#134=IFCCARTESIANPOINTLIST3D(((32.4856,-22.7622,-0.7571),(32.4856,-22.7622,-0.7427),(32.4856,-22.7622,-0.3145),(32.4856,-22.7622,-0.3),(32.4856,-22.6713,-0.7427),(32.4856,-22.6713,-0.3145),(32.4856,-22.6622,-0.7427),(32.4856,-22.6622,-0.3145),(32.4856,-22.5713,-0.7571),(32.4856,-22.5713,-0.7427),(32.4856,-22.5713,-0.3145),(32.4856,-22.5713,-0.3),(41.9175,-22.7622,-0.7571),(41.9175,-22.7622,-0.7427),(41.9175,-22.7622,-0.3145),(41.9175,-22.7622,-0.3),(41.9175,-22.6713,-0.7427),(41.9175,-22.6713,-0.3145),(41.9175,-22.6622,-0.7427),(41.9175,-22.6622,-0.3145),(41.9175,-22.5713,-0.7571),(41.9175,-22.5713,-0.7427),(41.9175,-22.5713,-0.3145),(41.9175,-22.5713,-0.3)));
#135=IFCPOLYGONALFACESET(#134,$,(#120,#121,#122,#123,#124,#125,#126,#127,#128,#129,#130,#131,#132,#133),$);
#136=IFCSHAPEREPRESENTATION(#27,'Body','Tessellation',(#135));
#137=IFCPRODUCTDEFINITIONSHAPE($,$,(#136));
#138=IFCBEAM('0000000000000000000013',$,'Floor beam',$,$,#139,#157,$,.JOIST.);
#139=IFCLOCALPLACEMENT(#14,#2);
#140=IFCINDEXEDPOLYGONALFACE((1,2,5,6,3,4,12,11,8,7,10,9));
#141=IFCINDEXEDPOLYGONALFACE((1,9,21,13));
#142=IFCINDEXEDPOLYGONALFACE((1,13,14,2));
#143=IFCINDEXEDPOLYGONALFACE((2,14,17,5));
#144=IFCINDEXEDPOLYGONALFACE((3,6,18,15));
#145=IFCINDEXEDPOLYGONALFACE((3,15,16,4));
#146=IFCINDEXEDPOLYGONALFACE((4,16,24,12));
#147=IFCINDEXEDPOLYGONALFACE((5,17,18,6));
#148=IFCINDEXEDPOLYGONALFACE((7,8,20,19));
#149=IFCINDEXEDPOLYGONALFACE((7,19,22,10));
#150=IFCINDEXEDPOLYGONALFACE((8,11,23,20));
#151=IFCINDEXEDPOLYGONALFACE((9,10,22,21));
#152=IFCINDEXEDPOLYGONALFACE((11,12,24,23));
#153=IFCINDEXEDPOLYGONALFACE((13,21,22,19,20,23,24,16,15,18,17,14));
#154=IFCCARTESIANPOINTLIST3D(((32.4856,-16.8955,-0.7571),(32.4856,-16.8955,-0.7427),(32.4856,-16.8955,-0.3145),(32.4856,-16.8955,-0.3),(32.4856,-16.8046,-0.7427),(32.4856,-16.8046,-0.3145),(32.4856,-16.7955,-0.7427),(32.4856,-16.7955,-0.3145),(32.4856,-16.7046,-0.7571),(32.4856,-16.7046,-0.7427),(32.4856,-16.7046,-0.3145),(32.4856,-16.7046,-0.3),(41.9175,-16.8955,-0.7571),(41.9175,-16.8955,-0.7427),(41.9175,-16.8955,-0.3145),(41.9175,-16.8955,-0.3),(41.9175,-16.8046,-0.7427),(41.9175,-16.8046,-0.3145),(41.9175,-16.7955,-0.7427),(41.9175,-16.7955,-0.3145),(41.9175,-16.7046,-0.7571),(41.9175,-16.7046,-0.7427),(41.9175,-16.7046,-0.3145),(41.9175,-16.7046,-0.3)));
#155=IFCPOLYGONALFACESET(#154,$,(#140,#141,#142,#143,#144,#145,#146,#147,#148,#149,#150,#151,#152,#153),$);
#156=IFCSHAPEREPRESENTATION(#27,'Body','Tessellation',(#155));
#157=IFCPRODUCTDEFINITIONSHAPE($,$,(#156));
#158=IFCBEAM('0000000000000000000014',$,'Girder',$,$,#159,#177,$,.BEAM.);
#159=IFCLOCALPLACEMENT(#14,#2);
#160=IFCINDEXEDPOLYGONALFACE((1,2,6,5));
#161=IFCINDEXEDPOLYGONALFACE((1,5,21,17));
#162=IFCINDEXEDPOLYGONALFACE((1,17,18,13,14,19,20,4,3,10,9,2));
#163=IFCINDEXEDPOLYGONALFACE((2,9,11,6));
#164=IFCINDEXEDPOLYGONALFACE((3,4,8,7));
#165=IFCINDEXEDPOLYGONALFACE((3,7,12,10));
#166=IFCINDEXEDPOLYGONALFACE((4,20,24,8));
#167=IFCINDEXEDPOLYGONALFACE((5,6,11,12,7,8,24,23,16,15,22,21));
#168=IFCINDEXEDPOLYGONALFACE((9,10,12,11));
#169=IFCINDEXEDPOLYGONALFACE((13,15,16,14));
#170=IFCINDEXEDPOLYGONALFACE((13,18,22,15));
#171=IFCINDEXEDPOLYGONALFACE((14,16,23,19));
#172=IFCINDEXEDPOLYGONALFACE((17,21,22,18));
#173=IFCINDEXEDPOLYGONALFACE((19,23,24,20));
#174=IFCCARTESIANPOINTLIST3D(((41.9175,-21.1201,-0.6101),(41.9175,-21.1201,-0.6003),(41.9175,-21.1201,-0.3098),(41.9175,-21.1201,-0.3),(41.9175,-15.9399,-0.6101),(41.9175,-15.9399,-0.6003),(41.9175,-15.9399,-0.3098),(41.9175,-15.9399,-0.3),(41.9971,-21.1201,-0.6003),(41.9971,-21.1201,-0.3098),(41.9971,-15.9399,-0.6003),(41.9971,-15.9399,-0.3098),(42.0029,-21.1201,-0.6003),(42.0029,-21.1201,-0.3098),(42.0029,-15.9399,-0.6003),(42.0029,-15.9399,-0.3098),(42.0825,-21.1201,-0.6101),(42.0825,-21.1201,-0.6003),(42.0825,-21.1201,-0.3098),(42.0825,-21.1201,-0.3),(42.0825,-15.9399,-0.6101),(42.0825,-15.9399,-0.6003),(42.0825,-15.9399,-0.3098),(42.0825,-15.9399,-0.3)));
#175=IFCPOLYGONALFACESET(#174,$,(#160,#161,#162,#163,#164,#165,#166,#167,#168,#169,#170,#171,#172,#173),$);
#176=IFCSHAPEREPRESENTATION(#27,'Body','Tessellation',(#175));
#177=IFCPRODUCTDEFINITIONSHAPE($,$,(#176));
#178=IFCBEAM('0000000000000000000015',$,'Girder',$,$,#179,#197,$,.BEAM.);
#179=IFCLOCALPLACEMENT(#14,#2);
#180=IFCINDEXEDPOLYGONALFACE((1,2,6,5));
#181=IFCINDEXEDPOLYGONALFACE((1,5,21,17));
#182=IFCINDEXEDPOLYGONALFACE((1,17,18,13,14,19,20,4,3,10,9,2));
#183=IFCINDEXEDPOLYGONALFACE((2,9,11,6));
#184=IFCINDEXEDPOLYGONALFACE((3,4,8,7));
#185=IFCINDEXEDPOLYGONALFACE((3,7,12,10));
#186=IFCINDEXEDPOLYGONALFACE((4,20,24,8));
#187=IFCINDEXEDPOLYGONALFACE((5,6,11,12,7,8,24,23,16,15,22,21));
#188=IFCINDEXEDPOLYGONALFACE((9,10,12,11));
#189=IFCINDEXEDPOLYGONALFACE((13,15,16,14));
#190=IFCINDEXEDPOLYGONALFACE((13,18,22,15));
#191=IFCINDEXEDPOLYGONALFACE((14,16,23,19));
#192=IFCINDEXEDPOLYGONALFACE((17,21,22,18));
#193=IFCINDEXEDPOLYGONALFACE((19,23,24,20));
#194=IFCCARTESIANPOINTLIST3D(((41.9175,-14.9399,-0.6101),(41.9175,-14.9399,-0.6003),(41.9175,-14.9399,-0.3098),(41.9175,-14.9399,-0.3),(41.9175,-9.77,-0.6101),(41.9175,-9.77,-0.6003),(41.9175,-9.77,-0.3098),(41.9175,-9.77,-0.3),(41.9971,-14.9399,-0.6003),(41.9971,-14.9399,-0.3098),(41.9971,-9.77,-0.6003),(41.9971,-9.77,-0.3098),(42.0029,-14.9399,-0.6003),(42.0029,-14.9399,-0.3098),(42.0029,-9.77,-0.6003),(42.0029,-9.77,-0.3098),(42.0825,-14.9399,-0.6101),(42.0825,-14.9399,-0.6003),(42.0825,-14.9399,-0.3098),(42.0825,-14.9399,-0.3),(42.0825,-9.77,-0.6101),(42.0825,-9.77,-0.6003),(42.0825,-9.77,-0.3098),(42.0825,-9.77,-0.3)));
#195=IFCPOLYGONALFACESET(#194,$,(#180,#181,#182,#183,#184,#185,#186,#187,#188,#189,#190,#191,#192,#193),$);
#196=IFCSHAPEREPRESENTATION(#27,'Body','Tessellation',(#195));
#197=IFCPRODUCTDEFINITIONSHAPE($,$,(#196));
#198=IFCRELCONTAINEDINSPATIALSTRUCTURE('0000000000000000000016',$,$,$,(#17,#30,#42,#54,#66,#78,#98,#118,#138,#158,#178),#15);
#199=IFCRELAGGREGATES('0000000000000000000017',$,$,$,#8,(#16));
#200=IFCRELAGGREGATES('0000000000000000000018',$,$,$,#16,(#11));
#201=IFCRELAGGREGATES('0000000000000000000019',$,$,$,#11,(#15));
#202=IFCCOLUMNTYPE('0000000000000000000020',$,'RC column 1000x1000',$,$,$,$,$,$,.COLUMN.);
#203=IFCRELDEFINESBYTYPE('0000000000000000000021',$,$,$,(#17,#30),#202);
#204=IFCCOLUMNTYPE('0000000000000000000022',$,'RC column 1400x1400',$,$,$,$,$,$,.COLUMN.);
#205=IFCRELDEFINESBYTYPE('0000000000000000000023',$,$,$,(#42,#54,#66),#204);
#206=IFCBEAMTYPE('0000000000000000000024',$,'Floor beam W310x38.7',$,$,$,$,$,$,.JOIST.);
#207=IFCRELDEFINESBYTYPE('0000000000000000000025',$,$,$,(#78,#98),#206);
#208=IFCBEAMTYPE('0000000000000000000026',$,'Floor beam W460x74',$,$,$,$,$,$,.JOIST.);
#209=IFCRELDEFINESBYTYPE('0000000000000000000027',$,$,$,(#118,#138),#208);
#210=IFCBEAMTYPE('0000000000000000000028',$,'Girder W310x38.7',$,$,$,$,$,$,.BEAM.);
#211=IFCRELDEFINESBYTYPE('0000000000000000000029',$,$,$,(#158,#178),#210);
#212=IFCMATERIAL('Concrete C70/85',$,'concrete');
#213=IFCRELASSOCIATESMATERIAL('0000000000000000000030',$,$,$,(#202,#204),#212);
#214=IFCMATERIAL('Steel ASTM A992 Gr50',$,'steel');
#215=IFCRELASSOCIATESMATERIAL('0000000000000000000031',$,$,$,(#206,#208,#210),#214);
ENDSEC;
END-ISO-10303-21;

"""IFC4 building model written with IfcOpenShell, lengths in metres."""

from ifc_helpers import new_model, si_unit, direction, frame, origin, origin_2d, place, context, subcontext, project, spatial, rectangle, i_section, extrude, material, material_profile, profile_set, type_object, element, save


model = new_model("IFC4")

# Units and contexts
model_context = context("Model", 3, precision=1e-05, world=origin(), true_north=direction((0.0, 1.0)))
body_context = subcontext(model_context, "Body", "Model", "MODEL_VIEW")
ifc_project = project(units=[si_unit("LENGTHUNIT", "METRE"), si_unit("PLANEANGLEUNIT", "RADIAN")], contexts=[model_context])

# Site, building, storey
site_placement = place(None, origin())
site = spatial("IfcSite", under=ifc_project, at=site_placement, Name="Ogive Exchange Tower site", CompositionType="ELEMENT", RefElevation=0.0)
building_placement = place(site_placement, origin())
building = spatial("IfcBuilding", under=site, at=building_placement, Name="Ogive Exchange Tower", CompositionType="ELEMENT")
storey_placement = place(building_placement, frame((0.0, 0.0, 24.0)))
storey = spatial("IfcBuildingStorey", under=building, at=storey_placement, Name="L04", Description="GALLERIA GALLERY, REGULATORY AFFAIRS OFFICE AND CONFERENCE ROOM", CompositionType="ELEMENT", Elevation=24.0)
------------------------------
● YOUR GOAL
Copy, without any change, the run of lines from the one with "world=origin(), true_north=direction((0.0, 1.0)))" through the end of the entries above.

● EXERCISE OUTPUT
model_context = context("Model", 3, precision=1e-05, world=origin(), true_north=direction((0.0, 1.0)))
body_context = subcontext(model_context, "Body", "Model", "MODEL_VIEW")
ifc_project = project(units=[si_unit("LENGTHUNIT", "METRE"), si_unit("PLANEANGLEUNIT", "RADIAN")], contexts=[model_context])

# Site, building, storey
site_placement = place(None, origin())
site = spatial("IfcSite", under=ifc_project, at=site_placement, Name="Ogive Exchange Tower site", CompositionType="ELEMENT", RefElevation=0.0)
building_placement = place(site_placement, origin())
building = spatial("IfcBuilding", under=site, at=building_placement, Name="Ogive Exchange Tower", CompositionType="ELEMENT")
storey_placement = place(building_placement, frame((0.0, 0.0, 24.0)))
storey = spatial("IfcBuildingStorey", under=building, at=storey_placement, Name="L04", Description="GALLERIA GALLERY, REGULATORY AFFAIRS OFFICE AND CONFERENCE ROOM", CompositionType="ELEMENT", Elevation=24.0)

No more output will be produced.